__Action item__: Only certain lines below are wanted: those starting at the line containing "#71=IFCINDEXEDPOLYGONALFACE((1,5,6,2));" and ending at the line containing "#91=IFCINDEXEDPOLYGONALFACE((39,40,42,41));", both included, each retyped exactly.

__Data listing__:
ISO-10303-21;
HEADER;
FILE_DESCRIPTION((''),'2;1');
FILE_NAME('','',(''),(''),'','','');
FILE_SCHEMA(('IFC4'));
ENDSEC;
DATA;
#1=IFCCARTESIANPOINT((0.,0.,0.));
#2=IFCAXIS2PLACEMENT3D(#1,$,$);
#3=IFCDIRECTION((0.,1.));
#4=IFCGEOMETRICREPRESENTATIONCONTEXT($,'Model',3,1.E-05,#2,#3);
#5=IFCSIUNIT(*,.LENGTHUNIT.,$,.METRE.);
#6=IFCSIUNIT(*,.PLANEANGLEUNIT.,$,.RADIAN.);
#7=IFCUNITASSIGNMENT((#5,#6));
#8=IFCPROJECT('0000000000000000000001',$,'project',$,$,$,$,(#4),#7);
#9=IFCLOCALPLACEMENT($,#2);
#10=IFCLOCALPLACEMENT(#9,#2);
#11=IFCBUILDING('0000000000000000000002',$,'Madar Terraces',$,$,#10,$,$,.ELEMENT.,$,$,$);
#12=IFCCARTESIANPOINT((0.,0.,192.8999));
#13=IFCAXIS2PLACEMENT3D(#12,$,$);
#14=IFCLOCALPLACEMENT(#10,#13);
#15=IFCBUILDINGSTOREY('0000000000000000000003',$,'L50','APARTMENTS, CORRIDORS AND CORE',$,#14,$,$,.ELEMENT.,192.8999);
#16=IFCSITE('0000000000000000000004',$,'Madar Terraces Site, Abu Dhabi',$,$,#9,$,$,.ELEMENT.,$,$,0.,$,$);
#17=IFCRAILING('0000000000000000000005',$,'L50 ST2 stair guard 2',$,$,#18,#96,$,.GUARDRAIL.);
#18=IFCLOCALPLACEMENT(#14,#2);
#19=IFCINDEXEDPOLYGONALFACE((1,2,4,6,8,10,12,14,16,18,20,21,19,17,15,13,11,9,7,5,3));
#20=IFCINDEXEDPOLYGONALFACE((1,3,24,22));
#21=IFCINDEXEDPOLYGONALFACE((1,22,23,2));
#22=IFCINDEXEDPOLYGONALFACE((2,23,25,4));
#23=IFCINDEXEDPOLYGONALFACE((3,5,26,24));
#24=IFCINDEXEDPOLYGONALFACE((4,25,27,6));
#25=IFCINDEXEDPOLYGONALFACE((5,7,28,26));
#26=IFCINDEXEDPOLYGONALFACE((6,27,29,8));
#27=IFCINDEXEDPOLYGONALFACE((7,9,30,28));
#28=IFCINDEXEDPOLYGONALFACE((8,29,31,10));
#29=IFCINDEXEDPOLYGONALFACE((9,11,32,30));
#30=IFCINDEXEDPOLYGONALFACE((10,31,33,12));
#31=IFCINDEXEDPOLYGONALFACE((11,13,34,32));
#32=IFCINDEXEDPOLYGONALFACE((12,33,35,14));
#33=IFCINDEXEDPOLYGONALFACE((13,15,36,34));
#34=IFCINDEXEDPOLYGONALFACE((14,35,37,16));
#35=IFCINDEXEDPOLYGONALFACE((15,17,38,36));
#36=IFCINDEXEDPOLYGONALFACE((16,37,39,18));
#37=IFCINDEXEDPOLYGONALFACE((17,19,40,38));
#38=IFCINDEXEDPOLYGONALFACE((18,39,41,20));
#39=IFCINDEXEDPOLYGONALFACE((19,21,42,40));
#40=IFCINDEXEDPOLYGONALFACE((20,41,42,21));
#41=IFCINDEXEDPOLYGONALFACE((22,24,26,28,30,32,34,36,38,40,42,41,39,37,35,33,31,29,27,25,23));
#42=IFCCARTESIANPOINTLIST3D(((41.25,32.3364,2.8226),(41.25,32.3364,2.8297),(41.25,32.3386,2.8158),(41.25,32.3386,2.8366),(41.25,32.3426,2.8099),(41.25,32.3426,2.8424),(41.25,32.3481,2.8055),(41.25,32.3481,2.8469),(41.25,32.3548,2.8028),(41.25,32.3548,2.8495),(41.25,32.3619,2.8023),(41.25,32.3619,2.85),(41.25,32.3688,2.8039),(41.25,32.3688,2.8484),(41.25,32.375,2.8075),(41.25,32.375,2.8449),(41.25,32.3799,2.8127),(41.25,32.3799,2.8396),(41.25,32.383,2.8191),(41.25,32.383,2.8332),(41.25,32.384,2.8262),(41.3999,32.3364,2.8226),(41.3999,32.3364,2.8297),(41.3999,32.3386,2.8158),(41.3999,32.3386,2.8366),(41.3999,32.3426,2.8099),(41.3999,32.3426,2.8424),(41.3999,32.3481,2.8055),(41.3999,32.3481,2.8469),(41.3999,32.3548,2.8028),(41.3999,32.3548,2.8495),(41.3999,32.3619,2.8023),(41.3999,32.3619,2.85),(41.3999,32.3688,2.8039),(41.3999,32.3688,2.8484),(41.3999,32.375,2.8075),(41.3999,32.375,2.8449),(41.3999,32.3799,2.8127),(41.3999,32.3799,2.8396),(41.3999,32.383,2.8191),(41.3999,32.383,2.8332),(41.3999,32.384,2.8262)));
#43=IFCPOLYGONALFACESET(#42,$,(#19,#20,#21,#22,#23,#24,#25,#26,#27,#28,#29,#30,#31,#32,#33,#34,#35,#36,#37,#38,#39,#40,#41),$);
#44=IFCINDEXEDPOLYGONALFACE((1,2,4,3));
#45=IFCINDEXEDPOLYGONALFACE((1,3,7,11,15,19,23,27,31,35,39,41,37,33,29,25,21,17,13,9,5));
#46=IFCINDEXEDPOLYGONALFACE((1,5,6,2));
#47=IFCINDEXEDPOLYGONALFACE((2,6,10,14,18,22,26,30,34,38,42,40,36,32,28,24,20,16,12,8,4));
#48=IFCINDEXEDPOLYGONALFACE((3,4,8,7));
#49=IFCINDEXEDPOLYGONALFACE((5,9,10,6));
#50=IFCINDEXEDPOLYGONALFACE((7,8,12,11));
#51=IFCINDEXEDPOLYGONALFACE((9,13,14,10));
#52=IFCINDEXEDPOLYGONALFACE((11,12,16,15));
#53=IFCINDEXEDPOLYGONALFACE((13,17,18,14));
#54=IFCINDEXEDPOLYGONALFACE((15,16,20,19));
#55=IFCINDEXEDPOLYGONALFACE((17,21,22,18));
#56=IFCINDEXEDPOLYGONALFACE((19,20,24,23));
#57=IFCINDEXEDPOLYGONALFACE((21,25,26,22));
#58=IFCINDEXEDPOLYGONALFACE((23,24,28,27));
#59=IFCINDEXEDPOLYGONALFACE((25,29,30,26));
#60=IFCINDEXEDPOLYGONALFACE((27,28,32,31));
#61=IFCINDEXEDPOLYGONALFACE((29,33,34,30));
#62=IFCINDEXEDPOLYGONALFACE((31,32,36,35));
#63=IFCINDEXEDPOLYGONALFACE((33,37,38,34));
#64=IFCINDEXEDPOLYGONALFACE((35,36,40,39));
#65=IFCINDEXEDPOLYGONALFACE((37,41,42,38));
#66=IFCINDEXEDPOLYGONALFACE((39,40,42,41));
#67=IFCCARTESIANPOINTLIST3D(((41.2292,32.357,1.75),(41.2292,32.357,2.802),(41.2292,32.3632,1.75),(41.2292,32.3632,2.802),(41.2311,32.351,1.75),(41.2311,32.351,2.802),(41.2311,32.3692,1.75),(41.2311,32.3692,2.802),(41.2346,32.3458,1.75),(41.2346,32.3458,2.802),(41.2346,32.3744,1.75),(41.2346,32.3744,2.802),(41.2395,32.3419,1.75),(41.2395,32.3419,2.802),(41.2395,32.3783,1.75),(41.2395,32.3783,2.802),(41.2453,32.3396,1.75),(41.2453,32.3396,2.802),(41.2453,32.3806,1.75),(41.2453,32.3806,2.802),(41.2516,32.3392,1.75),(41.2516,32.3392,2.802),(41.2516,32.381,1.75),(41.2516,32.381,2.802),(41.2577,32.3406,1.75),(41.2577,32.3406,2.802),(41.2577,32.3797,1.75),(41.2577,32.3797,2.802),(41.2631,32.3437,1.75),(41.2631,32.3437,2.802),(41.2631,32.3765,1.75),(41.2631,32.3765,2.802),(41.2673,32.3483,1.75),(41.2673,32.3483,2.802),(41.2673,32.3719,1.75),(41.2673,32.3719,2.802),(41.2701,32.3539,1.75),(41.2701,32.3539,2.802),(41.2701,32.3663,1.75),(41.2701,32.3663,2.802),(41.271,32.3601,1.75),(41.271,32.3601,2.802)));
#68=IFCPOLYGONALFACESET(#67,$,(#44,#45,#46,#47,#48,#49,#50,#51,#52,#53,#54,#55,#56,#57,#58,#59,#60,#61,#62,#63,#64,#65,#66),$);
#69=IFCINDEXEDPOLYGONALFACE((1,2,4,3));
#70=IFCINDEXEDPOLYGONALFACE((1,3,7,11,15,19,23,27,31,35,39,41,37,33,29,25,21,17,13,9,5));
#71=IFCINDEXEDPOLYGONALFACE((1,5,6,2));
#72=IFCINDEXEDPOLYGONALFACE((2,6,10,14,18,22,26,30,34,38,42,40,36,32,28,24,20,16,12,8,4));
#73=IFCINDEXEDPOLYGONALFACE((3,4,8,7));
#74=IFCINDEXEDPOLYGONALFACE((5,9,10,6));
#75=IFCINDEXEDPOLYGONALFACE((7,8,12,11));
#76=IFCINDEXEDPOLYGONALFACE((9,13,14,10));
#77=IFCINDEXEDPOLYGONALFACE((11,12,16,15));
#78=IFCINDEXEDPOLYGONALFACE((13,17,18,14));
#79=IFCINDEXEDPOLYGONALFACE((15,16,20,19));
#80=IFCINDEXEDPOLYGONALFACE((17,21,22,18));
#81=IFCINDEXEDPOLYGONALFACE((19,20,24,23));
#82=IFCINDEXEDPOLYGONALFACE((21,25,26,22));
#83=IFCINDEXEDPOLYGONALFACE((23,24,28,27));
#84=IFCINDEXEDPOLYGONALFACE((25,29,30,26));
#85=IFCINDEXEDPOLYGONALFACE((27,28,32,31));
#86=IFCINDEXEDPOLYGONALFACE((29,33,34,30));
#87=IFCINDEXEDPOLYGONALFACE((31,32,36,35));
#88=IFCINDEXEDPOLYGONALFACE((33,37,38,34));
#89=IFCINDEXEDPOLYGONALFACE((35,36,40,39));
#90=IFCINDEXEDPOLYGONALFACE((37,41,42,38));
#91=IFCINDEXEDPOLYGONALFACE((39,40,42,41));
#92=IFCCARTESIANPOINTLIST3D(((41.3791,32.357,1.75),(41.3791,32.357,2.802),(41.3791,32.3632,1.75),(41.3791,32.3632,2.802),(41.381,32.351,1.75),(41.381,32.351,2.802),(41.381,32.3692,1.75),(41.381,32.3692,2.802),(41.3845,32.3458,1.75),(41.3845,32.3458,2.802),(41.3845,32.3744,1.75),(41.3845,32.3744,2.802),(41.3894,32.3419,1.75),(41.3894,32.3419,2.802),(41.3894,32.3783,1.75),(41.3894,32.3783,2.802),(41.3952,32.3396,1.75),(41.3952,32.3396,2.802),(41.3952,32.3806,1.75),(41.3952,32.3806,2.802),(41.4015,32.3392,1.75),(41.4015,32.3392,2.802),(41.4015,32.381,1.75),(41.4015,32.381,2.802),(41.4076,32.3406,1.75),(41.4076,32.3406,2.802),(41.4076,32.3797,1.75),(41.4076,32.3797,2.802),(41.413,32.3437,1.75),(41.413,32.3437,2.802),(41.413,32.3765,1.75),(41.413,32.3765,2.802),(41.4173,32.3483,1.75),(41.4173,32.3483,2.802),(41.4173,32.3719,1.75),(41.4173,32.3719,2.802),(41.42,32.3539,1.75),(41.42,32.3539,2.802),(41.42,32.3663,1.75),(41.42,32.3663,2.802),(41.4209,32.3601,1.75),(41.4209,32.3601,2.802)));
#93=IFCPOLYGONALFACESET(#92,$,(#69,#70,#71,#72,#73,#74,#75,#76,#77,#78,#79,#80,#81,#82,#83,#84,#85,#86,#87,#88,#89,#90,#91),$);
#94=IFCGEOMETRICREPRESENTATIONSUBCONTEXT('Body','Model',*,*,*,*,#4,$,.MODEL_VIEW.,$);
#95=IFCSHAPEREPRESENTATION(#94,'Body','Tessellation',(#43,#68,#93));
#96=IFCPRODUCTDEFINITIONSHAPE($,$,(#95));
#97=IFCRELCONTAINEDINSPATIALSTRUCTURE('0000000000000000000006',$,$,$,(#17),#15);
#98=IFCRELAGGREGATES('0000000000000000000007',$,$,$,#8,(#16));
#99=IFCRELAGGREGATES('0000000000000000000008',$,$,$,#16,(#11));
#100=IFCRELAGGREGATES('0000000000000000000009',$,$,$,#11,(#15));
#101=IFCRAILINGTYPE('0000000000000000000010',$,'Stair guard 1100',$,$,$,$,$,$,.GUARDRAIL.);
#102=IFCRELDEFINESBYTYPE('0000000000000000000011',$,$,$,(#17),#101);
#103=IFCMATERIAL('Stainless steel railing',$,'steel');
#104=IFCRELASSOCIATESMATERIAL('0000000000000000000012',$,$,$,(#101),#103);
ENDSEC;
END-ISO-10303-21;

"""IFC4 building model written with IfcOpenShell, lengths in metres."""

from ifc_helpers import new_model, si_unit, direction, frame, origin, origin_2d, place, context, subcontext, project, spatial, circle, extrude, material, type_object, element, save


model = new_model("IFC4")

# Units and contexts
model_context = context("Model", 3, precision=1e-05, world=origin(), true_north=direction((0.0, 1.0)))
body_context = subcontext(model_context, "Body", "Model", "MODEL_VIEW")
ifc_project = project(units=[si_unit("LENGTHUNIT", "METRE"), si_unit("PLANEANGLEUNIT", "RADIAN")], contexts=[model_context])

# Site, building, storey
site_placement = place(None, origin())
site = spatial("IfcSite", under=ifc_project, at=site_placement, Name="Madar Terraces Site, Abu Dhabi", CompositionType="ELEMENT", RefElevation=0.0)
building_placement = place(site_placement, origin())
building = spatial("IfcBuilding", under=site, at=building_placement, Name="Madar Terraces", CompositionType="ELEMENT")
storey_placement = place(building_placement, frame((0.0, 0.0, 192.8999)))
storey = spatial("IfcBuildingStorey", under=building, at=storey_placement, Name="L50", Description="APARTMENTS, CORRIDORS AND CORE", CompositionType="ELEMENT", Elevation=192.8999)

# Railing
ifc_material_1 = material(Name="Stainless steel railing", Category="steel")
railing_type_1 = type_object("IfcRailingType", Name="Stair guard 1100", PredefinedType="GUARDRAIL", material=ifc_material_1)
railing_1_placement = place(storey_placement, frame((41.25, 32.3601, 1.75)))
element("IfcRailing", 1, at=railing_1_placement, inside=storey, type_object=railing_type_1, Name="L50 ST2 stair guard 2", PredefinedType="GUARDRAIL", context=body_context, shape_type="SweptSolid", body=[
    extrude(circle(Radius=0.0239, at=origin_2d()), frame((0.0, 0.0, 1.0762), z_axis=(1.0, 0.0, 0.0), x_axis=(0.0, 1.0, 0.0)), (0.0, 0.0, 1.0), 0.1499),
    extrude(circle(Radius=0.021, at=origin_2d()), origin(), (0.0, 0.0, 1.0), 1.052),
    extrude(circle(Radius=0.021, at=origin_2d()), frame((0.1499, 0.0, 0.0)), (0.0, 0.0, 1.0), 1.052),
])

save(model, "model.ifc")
...
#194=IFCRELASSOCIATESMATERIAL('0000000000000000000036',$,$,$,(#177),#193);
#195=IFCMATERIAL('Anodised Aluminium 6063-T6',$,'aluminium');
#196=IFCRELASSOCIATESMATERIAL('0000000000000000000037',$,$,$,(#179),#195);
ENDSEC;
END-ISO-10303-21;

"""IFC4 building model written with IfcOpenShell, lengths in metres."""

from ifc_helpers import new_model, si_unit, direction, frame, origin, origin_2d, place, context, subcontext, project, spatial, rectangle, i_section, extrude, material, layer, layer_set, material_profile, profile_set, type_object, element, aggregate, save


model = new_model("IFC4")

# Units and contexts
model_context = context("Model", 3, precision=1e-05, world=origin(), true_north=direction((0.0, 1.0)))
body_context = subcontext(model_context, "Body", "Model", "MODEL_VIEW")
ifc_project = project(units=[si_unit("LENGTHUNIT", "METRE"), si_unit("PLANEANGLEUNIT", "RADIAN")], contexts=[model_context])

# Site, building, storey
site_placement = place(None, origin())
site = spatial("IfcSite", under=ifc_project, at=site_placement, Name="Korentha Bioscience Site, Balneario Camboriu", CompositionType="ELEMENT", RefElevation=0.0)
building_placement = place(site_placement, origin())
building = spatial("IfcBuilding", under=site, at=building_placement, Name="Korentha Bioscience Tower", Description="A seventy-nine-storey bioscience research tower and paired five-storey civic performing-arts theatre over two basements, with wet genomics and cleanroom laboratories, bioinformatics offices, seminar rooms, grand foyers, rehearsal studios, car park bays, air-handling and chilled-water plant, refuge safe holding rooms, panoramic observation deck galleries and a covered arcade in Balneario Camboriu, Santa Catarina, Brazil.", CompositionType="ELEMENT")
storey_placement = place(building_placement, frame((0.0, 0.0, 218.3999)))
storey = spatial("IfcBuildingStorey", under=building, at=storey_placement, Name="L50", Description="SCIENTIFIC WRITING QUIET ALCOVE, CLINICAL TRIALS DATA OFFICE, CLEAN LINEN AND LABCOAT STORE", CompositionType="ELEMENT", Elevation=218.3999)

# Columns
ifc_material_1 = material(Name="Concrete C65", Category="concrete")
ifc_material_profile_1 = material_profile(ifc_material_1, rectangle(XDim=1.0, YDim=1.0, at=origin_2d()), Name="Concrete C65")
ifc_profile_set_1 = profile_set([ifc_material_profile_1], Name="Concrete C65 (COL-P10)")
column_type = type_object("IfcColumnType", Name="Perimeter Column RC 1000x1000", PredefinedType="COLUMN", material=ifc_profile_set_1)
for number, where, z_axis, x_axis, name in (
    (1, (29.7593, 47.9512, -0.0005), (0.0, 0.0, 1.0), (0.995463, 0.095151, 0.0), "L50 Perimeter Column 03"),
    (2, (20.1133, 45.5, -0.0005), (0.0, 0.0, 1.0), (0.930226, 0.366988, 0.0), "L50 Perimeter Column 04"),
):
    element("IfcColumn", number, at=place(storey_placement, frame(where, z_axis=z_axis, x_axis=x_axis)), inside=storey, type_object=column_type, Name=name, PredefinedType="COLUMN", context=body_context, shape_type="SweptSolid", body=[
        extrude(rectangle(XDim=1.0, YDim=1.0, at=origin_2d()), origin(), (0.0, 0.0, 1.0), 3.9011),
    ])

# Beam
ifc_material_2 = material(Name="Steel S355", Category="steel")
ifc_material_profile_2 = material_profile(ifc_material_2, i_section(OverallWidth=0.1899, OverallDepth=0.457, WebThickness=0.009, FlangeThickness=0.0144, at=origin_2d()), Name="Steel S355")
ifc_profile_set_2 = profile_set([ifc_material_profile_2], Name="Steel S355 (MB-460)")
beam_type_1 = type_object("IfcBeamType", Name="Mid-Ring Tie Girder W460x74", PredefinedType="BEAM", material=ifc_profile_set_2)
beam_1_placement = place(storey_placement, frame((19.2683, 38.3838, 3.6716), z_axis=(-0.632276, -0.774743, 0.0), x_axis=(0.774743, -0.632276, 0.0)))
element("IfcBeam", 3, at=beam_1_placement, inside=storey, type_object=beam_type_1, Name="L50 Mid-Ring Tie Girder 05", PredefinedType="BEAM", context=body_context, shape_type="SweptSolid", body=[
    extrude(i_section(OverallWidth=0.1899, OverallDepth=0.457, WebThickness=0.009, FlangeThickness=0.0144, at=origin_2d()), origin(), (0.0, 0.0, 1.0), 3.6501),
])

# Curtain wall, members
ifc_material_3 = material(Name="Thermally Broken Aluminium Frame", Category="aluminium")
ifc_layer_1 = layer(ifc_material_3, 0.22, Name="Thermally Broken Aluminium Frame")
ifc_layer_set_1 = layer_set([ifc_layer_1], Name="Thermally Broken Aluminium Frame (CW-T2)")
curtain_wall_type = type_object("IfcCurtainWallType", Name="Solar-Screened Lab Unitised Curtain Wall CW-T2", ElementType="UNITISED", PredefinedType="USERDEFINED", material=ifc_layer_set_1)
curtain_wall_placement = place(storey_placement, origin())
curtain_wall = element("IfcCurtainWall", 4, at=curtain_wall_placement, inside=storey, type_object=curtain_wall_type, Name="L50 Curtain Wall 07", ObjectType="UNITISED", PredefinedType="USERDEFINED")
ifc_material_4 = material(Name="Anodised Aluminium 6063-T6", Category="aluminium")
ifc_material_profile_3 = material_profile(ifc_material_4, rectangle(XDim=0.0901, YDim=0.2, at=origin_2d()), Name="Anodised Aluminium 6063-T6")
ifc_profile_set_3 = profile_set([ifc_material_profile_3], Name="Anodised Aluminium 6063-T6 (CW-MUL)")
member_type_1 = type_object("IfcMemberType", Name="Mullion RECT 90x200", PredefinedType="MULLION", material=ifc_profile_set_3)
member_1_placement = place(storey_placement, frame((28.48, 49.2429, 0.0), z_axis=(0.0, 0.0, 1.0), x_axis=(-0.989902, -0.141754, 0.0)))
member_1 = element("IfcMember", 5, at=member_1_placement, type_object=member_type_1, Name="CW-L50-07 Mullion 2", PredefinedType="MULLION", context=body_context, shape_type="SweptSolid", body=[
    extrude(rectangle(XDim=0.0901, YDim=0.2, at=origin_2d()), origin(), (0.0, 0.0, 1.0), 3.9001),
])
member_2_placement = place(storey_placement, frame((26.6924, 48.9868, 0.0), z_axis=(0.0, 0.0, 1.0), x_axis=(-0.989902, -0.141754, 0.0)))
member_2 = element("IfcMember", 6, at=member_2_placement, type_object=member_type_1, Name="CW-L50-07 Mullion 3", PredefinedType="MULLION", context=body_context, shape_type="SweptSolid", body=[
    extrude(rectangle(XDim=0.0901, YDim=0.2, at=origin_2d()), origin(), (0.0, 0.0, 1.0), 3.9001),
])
---
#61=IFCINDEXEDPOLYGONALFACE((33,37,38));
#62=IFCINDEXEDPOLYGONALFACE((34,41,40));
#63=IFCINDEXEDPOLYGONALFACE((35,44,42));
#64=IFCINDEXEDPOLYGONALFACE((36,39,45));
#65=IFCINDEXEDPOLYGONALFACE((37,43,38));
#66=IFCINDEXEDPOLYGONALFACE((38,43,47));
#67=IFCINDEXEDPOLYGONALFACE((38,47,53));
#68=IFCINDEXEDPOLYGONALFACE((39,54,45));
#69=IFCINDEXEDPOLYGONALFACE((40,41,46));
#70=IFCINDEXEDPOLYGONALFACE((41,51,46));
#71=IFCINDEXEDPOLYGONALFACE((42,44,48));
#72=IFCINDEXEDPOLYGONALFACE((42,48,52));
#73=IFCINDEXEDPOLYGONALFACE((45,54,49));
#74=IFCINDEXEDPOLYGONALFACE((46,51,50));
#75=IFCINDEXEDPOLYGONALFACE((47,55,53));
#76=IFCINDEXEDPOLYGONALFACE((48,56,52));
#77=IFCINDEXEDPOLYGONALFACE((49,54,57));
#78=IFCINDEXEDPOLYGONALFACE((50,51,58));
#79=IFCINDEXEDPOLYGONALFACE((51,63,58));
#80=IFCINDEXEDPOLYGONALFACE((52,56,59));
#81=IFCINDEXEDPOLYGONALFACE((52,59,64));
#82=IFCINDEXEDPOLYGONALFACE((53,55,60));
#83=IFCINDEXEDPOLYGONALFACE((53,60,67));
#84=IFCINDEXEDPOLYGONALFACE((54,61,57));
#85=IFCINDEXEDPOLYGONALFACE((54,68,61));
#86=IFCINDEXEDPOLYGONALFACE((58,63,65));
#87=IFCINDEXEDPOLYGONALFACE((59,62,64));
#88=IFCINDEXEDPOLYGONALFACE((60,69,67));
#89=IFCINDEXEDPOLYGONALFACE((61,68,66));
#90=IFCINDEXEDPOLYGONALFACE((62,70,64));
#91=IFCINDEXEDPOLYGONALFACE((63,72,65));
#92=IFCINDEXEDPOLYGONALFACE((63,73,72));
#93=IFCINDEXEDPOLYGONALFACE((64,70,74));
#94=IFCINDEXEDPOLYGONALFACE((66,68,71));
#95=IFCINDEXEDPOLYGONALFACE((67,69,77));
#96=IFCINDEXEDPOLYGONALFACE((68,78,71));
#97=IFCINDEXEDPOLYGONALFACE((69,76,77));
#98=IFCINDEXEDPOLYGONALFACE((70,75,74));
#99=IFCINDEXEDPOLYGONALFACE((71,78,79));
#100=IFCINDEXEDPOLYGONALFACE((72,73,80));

__Answer area__:
#71=IFCINDEXEDPOLYGONALFACE((1,5,6,2));
#72=IFCINDEXEDPOLYGONALFACE((2,6,10,14,18,22,26,30,34,38,42,40,36,32,28,24,20,16,12,8,4));
#73=IFCINDEXEDPOLYGONALFACE((3,4,8,7));
#74=IFCINDEXEDPOLYGONALFACE((5,9,10,6));
#75=IFCINDEXEDPOLYGONALFACE((7,8,12,11));
#76=IFCINDEXEDPOLYGONALFACE((9,13,14,10));
#77=IFCINDEXEDPOLYGONALFACE((11,12,16,15));
#78=IFCINDEXEDPOLYGONALFACE((13,17,18,14));
#79=IFCINDEXEDPOLYGONALFACE((15,16,20,19));
#80=IFCINDEXEDPOLYGONALFACE((17,21,22,18));
#81=IFCINDEXEDPOLYGONALFACE((19,20,24,23));
#82=IFCINDEXEDPOLYGONALFACE((21,25,26,22));
#83=IFCINDEXEDPOLYGONALFACE((23,24,28,27));
#84=IFCINDEXEDPOLYGONALFACE((25,29,30,26));
#85=IFCINDEXEDPOLYGONALFACE((27,28,32,31));
#86=IFCINDEXEDPOLYGONALFACE((29,33,34,30));
#87=IFCINDEXEDPOLYGONALFACE((31,32,36,35));
#88=IFCINDEXEDPOLYGONALFACE((33,37,38,34));
#89=IFCINDEXEDPOLYGONALFACE((35,36,40,39));
#90=IFCINDEXEDPOLYGONALFACE((37,41,42,38));
#91=IFCINDEXEDPOLYGONALFACE((39,40,42,41));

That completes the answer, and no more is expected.